Source records:
★ ★ ★

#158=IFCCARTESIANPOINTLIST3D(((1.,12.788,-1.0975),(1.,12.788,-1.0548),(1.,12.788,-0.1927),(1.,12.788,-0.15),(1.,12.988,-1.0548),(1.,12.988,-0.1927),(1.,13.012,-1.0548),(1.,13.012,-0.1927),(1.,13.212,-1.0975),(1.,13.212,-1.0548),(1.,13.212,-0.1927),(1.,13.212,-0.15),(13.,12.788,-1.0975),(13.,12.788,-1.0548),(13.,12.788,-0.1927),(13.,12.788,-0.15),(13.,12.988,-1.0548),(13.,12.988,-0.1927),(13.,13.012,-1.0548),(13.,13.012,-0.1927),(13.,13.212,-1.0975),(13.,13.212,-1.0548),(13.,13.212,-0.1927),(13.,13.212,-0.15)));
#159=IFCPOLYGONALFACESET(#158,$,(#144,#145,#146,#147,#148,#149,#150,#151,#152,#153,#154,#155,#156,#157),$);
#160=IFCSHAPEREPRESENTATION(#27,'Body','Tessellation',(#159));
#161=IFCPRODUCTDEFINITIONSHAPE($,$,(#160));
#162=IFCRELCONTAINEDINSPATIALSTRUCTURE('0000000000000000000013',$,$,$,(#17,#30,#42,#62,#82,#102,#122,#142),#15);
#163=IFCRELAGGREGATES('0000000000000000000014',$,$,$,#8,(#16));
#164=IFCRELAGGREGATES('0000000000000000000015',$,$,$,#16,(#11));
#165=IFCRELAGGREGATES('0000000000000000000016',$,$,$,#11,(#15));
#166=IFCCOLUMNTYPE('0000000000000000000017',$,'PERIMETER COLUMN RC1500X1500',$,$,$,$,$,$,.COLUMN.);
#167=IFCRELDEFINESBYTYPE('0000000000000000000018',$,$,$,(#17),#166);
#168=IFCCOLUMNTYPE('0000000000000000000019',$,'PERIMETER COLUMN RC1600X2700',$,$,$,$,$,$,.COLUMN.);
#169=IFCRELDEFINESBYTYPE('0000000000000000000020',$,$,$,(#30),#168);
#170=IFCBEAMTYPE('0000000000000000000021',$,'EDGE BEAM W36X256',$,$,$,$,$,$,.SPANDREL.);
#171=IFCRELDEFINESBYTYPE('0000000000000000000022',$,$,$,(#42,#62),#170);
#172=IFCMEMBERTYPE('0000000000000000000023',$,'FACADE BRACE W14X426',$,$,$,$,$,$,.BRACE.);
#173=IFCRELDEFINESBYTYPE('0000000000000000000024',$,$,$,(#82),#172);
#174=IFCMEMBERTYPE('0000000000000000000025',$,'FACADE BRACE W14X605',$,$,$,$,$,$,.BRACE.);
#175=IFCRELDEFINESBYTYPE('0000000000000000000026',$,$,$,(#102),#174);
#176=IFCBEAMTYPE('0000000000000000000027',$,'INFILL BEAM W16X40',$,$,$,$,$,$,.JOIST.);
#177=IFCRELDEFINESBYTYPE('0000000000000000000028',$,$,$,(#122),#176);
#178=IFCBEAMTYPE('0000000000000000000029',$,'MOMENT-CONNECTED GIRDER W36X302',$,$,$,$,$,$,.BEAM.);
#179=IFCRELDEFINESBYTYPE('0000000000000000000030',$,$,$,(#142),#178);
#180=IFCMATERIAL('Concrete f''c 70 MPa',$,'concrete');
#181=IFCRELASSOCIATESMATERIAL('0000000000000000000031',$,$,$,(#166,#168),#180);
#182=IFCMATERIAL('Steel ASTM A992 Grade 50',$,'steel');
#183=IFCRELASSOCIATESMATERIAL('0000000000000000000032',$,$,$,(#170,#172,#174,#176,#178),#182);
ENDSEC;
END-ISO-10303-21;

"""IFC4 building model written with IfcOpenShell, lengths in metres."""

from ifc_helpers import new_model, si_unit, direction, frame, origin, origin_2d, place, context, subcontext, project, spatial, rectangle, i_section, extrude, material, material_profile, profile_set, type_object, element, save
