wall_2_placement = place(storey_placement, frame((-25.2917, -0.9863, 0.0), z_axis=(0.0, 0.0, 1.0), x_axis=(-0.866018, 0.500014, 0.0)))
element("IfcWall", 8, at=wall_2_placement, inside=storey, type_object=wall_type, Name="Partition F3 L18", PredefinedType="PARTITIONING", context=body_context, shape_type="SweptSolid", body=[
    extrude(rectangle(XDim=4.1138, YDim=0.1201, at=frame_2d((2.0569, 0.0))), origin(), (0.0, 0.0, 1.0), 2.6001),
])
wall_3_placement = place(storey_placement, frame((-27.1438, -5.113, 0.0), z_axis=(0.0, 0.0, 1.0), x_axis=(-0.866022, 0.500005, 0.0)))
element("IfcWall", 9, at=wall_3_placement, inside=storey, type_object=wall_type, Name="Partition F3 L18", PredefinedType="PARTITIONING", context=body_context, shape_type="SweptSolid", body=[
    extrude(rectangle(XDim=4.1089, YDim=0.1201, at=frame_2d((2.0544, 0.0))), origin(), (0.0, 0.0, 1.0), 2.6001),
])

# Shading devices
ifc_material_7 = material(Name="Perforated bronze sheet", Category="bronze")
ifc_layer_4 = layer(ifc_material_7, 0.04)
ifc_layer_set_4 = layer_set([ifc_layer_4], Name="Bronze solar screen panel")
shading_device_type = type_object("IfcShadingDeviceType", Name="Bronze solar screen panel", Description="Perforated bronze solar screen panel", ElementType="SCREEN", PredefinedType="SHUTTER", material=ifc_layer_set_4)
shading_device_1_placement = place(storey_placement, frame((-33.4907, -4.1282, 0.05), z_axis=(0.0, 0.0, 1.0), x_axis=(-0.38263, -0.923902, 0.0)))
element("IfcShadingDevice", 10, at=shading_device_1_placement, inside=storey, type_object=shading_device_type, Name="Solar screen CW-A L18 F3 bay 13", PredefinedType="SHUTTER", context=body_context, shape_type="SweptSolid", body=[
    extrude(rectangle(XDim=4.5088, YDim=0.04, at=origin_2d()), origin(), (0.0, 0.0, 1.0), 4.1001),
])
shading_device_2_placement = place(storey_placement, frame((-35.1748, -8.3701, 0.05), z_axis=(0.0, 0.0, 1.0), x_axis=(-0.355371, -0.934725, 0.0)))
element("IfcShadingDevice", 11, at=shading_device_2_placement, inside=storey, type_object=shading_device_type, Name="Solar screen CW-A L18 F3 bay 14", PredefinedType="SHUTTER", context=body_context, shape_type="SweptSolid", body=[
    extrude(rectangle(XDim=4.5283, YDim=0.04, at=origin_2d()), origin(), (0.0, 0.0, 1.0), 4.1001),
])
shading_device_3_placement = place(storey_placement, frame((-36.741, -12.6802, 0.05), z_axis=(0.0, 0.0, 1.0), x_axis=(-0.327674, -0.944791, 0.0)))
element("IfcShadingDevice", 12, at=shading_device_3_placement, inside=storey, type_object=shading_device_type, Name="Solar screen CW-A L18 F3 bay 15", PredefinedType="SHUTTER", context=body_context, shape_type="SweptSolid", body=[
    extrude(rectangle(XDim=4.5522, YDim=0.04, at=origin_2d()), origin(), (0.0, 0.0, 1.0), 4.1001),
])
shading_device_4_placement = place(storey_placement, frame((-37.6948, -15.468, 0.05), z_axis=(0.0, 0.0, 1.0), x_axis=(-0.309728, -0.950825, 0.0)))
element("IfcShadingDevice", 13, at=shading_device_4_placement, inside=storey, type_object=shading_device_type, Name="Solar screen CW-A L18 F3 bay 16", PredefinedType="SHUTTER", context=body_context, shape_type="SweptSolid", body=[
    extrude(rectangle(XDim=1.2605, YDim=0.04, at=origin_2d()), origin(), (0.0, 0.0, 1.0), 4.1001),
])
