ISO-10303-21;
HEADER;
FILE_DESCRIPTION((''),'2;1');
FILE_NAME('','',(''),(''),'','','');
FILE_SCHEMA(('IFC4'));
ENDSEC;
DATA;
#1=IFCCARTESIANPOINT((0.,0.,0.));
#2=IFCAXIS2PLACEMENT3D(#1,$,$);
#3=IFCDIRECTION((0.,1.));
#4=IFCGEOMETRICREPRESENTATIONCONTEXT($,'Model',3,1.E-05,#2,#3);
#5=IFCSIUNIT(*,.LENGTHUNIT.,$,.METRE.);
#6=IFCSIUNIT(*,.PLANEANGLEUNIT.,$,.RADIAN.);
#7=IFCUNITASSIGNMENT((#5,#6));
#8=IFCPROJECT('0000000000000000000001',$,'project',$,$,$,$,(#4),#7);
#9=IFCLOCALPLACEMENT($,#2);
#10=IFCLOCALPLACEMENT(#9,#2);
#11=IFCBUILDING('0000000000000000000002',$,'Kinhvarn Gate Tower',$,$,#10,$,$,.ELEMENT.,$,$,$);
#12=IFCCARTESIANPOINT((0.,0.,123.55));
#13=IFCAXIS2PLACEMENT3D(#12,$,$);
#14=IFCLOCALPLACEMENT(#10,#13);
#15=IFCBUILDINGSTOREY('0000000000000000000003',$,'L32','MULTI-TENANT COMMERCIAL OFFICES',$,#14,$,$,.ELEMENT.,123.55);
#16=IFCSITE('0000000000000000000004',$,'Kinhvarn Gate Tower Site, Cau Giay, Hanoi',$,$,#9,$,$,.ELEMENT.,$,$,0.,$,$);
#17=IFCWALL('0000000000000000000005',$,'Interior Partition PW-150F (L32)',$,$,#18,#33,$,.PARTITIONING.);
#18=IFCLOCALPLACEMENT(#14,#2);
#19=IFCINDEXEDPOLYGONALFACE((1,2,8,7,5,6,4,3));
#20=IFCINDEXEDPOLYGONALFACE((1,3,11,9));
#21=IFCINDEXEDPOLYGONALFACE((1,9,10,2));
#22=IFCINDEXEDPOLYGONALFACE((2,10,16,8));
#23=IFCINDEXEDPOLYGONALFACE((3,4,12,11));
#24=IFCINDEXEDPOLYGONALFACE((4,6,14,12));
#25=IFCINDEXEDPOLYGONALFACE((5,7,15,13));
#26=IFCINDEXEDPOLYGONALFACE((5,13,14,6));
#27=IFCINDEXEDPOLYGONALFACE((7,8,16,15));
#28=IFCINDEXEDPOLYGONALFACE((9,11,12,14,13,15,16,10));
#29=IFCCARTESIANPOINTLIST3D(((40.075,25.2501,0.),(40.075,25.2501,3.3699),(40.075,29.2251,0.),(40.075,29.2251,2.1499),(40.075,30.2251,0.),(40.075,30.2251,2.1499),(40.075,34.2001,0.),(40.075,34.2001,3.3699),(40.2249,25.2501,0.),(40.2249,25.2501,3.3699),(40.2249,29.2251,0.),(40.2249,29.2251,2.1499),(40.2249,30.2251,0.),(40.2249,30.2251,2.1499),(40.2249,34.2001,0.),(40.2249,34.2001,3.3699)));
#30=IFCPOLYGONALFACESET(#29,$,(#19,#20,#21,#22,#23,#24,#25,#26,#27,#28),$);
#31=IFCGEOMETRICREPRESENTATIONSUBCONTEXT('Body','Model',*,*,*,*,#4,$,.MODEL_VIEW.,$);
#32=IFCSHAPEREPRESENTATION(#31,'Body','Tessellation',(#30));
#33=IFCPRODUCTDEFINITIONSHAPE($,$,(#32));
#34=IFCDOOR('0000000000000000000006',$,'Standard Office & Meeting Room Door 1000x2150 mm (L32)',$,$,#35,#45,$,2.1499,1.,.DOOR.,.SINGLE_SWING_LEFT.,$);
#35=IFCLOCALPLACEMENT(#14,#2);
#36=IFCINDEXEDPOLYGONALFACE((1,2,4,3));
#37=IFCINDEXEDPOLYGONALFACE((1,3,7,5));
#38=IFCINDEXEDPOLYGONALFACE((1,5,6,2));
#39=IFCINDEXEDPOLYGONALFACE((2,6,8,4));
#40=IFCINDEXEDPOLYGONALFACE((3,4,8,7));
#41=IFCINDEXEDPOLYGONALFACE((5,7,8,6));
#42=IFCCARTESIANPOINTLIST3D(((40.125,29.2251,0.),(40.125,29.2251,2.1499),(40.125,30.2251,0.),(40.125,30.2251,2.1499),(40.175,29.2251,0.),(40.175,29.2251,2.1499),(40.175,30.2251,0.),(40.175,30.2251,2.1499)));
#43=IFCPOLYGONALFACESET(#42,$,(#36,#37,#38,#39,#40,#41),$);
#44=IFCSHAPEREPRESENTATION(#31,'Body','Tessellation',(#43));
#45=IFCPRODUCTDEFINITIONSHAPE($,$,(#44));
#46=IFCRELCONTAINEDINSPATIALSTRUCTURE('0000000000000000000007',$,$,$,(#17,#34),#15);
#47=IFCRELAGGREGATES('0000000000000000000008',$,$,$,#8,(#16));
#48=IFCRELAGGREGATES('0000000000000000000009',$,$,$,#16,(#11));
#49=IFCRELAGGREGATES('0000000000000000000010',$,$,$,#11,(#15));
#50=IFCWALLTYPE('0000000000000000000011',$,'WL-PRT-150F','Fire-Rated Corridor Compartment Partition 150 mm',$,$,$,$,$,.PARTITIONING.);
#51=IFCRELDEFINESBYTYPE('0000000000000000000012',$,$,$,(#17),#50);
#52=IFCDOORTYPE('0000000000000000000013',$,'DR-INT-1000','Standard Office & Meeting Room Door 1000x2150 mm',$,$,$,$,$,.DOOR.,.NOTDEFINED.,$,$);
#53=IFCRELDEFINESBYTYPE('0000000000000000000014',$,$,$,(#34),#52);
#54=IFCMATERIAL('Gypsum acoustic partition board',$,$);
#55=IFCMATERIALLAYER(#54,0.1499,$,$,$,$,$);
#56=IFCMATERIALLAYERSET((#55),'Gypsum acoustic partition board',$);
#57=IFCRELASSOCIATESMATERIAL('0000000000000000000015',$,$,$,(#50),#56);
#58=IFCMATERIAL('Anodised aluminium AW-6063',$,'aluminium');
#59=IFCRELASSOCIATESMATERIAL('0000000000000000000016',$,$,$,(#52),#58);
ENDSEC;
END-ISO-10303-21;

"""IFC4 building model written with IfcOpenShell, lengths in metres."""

from ifc_helpers import new_model, si_unit, direction, frame, frame_2d, origin, place, context, subcontext, project, spatial, rectangle, extrude, material, layer, layer_set, type_object, element, fill, save


model = new_model("IFC4")

# Units and contexts
model_context = context("Model", 3, precision=1e-05, world=origin(), true_north=direction((0.0, 1.0)))
body_context = subcontext(model_context, "Body", "Model", "MODEL_VIEW")
ifc_project = project(units=[si_unit("LENGTHUNIT", "METRE"), si_unit("PLANEANGLEUNIT", "RADIAN")], contexts=[model_context])

# Site, building, storey
site_placement = place(None, origin())
site = spatial("IfcSite", under=ifc_project, at=site_placement, Name="Kinhvarn Gate Tower Site, Cau Giay, Hanoi", CompositionType="ELEMENT", RefElevation=0.0)
building_placement = place(site_placement, origin())
building = spatial("IfcBuilding", under=site, at=building_placement, Name="Kinhvarn Gate Tower", CompositionType="ELEMENT")
storey_placement = place(building_placement, frame((0.0, 0.0, 123.55)))
storey = spatial("IfcBuildingStorey", under=building, at=storey_placement, Name="L32", Description="MULTI-TENANT COMMERCIAL OFFICES", CompositionType="ELEMENT", Elevation=123.55)

# Shared definitions
ifc_material_1 = material(Name="Anodised aluminium AW-6063", Category="aluminium")

# Shared definitions
ifc_material_2 = material(Name="Gypsum acoustic partition board")

# Wall, opening, door
ifc_layer_1 = layer(ifc_material_2, 0.1499)
ifc_layer_set_1 = layer_set([ifc_layer_1], Name="Gypsum acoustic partition board")
wall_type_1 = type_object("IfcWallType", Name="WL-PRT-150F", Description="Fire-Rated Corridor Compartment Partition 150 mm", PredefinedType="PARTITIONING", material=ifc_layer_set_1)
door_type = type_object("IfcDoorType", Name="DR-INT-1000", Description="Standard Office & Meeting Room Door 1000x2150 mm", OperationType="NOTDEFINED", PredefinedType="DOOR", material=ifc_material_1)
wall_1_placement = place(storey_placement, frame((40.1499, 25.25, 0.0), z_axis=(0.0, 0.0, 1.0), x_axis=(0.0, 1.0, 0.0)))
wall_1 = element("IfcWall", 1, at=wall_1_placement, inside=storey, type_object=wall_type_1, Name="Interior Partition PW-150F (L32)", PredefinedType="PARTITIONING", context=body_context, shape_type="SweptSolid", body=[
    extrude(rectangle(XDim=8.95, YDim=0.1499, at=frame_2d((4.4751, 0.0))), origin(), (0.0, 0.0, 1.0), 3.3699),
])
opening_1_placement = place(wall_1_placement, frame((3.9751, 0.0, 0.0)))
opening_1 = element("IfcOpeningElement", 2, at=opening_1_placement, cuts=wall_1, PredefinedType="OPENING", context=body_context, shape_type="SweptSolid", body=[
    extrude(rectangle(XDim=1.0, YDim=2.1499, at=frame_2d((0.5, 1.075))), frame((0.0, 0.085, 0.0), z_axis=(0.0, -1.0, 0.0), x_axis=(1.0, 0.0, 0.0)), (0.0, 0.0, 1.0), 0.1699),
])
door_1_placement = place(opening_1_placement, origin())
door_1 = element("IfcDoor", 3, at=door_1_placement, inside=storey, type_object=door_type, Name="Standard Office & Meeting Room Door 1000x2150 mm (L32)", OperationType="SINGLE_SWING_LEFT", OverallHeight=2.1499, OverallWidth=1.0, PredefinedType="DOOR", context=body_context, shape_type="SweptSolid", body=[
    extrude(rectangle(XDim=1.0, YDim=2.1499, at=frame_2d((0.5, 1.075))), frame((0.0, 0.0249, 0.0), z_axis=(0.0, -1.0, 0.0), x_axis=(1.0, 0.0, 0.0)), (0.0, 0.0, 1.0), 0.05),
])
fill(opening_1, door_1)

save(model, "model.ifc")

★ ★ ★

Assigned task: When the line with "#14=IFCLOCALPLACEMENT(#10,#13);" is reached in the data above, begin copying, and stop after the line with "#45=IFCPRODUCTDEFINITIONSHAPE($,$,(#44));"; copy each line exactly, both ends included.

Answer box:
#14=IFCLOCALPLACEMENT(#10,#13);
#15=IFCBUILDINGSTOREY('0000000000000000000003',$,'L32','MULTI-TENANT COMMERCIAL OFFICES',$,#14,$,$,.ELEMENT.,123.55);
#16=IFCSITE('0000000000000000000004',$,'Kinhvarn Gate Tower Site, Cau Giay, Hanoi',$,$,#9,$,$,.ELEMENT.,$,$,0.,$,$);
#17=IFCWALL('0000000000000000000005',$,'Interior Partition PW-150F (L32)',$,$,#18,#33,$,.PARTITIONING.);
#18=IFCLOCALPLACEMENT(#14,#2);
#19=IFCINDEXEDPOLYGONALFACE((1,2,8,7,5,6,4,3));
#20=IFCINDEXEDPOLYGONALFACE((1,3,11,9));
#21=IFCINDEXEDPOLYGONALFACE((1,9,10,2));
#22=IFCINDEXEDPOLYGONALFACE((2,10,16,8));
#23=IFCINDEXEDPOLYGONALFACE((3,4,12,11));
#24=IFCINDEXEDPOLYGONALFACE((4,6,14,12));
#25=IFCINDEXEDPOLYGONALFACE((5,7,15,13));
#26=IFCINDEXEDPOLYGONALFACE((5,13,14,6));
#27=IFCINDEXEDPOLYGONALFACE((7,8,16,15));
#28=IFCINDEXEDPOLYGONALFACE((9,11,12,14,13,15,16,10));
#29=IFCCARTESIANPOINTLIST3D(((40.075,25.2501,0.),(40.075,25.2501,3.3699),(40.075,29.2251,0.),(40.075,29.2251,2.1499),(40.075,30.2251,0.),(40.075,30.2251,2.1499),(40.075,34.2001,0.),(40.075,34.2001,3.3699),(40.2249,25.2501,0.),(40.2249,25.2501,3.3699),(40.2249,29.2251,0.),(40.2249,29.2251,2.1499),(40.2249,30.2251,0.),(40.2249,30.2251,2.1499),(40.2249,34.2001,0.),(40.2249,34.2001,3.3699)));
#30=IFCPOLYGONALFACESET(#29,$,(#19,#20,#21,#22,#23,#24,#25,#26,#27,#28),$);
#31=IFCGEOMETRICREPRESENTATIONSUBCONTEXT('Body','Model',*,*,*,*,#4,$,.MODEL_VIEW.,$);
#32=IFCSHAPEREPRESENTATION(#31,'Body','Tessellation',(#30));
#33=IFCPRODUCTDEFINITIONSHAPE($,$,(#32));
#34=IFCDOOR('0000000000000000000006',$,'Standard Office & Meeting Room Door 1000x2150 mm (L32)',$,$,#35,#45,$,2.1499,1.,.DOOR.,.SINGLE_SWING_LEFT.,$);
#35=IFCLOCALPLACEMENT(#14,#2);
#36=IFCINDEXEDPOLYGONALFACE((1,2,4,3));
#37=IFCINDEXEDPOLYGONALFACE((1,3,7,5));
#38=IFCINDEXEDPOLYGONALFACE((1,5,6,2));
#39=IFCINDEXEDPOLYGONALFACE((2,6,8,4));
#40=IFCINDEXEDPOLYGONALFACE((3,4,8,7));
#41=IFCINDEXEDPOLYGONALFACE((5,7,8,6));
#42=IFCCARTESIANPOINTLIST3D(((40.125,29.2251,0.),(40.125,29.2251,2.1499),(40.125,30.2251,0.),(40.125,30.2251,2.1499),(40.175,29.2251,0.),(40.175,29.2251,2.1499),(40.175,30.2251,0.),(40.175,30.2251,2.1499)));
#43=IFCPOLYGONALFACESET(#42,$,(#36,#37,#38,#39,#40,#41),$);
#44=IFCSHAPEREPRESENTATION(#31,'Body','Tessellation',(#43));
#45=IFCPRODUCTDEFINITIONSHAPE($,$,(#44));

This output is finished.